The problem
Please return the lines of the data that contain "under".

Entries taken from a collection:
[Start of section]

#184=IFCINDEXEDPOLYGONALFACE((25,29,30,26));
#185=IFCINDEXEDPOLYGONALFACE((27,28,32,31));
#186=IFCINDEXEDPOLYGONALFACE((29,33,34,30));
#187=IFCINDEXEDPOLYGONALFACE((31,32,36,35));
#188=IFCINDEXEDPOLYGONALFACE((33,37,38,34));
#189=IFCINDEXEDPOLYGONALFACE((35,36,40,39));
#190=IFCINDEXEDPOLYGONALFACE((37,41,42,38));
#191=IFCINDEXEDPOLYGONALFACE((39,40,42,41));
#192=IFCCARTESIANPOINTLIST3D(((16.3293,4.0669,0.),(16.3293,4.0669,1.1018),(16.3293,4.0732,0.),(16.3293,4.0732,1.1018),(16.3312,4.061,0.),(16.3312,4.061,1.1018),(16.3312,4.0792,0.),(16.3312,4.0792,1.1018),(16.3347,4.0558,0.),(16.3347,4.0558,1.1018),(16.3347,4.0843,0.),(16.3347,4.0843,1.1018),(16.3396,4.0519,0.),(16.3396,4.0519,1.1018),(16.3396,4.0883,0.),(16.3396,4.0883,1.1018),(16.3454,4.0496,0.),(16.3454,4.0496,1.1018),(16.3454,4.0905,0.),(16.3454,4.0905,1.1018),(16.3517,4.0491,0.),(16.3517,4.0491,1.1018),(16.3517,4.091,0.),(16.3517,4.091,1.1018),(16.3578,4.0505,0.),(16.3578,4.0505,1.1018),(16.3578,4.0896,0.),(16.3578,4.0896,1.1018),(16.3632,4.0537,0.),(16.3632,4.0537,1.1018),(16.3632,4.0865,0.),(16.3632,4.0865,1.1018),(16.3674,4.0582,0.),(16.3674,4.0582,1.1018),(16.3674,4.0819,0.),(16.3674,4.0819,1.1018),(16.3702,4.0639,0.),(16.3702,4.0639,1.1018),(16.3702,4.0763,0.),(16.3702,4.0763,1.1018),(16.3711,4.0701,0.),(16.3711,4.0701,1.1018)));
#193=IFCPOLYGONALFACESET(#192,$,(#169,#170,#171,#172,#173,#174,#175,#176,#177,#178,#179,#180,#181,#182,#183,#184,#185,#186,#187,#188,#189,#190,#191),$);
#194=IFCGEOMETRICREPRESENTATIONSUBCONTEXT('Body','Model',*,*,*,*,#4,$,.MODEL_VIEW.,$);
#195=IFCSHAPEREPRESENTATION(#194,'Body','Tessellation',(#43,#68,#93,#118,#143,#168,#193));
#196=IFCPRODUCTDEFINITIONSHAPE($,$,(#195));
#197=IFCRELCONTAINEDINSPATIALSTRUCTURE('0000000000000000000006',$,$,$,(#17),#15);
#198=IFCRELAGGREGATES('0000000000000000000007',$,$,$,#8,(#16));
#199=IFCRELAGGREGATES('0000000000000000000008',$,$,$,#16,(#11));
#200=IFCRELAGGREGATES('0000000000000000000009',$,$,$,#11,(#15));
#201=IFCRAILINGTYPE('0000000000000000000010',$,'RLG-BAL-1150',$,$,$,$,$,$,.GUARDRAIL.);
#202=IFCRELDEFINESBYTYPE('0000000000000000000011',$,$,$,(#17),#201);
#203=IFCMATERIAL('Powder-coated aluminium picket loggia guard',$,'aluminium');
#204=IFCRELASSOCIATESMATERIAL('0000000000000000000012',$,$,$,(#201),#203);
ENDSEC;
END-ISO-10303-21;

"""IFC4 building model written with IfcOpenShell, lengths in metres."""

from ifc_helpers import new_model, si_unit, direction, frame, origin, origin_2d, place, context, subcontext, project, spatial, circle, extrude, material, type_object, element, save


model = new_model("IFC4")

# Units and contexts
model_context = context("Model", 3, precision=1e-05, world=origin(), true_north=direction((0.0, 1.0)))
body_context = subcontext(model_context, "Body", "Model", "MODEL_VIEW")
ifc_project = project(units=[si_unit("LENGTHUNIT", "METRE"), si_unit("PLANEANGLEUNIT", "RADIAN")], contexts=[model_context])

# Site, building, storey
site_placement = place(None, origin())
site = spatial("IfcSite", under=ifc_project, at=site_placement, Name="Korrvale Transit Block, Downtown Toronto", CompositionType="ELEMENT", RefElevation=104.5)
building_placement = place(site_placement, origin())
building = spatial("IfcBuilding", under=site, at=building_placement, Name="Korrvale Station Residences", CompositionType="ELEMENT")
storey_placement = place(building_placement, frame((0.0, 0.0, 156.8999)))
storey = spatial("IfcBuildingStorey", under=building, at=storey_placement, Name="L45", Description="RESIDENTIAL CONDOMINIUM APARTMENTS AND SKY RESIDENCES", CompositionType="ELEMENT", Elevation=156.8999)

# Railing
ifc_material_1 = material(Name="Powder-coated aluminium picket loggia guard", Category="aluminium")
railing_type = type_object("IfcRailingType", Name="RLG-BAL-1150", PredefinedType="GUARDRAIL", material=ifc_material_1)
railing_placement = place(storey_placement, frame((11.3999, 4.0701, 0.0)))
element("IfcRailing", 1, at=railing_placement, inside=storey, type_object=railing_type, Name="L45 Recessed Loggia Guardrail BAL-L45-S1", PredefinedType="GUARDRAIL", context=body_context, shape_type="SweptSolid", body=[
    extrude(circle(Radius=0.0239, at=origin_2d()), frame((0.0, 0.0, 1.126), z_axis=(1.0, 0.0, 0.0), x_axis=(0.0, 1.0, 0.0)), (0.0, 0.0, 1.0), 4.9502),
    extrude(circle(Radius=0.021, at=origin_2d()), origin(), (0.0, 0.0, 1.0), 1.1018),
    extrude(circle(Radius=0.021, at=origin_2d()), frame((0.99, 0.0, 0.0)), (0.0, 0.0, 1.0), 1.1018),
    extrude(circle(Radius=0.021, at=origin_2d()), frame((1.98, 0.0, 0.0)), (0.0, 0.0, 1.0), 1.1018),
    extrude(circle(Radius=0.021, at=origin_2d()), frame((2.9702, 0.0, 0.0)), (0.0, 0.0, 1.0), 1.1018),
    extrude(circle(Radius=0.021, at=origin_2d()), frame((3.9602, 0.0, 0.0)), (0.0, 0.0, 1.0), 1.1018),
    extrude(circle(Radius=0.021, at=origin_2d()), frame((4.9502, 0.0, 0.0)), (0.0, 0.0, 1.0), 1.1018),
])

[End of section]

Output
site = spatial("IfcSite", under=ifc_project, at=site_placement, Name="Korrvale Transit Block, Downtown Toronto", CompositionType="ELEMENT", RefElevation=104.5)
building = spatial("IfcBuilding", under=site, at=building_placement, Name="Korrvale Station Residences", CompositionType="ELEMENT")
storey = spatial("IfcBuildingStorey", under=building, at=storey_placement, Name="L45", Description="RESIDENTIAL CONDOMINIUM APARTMENTS AND SKY RESIDENCES", CompositionType="ELEMENT", Elevation=156.8999)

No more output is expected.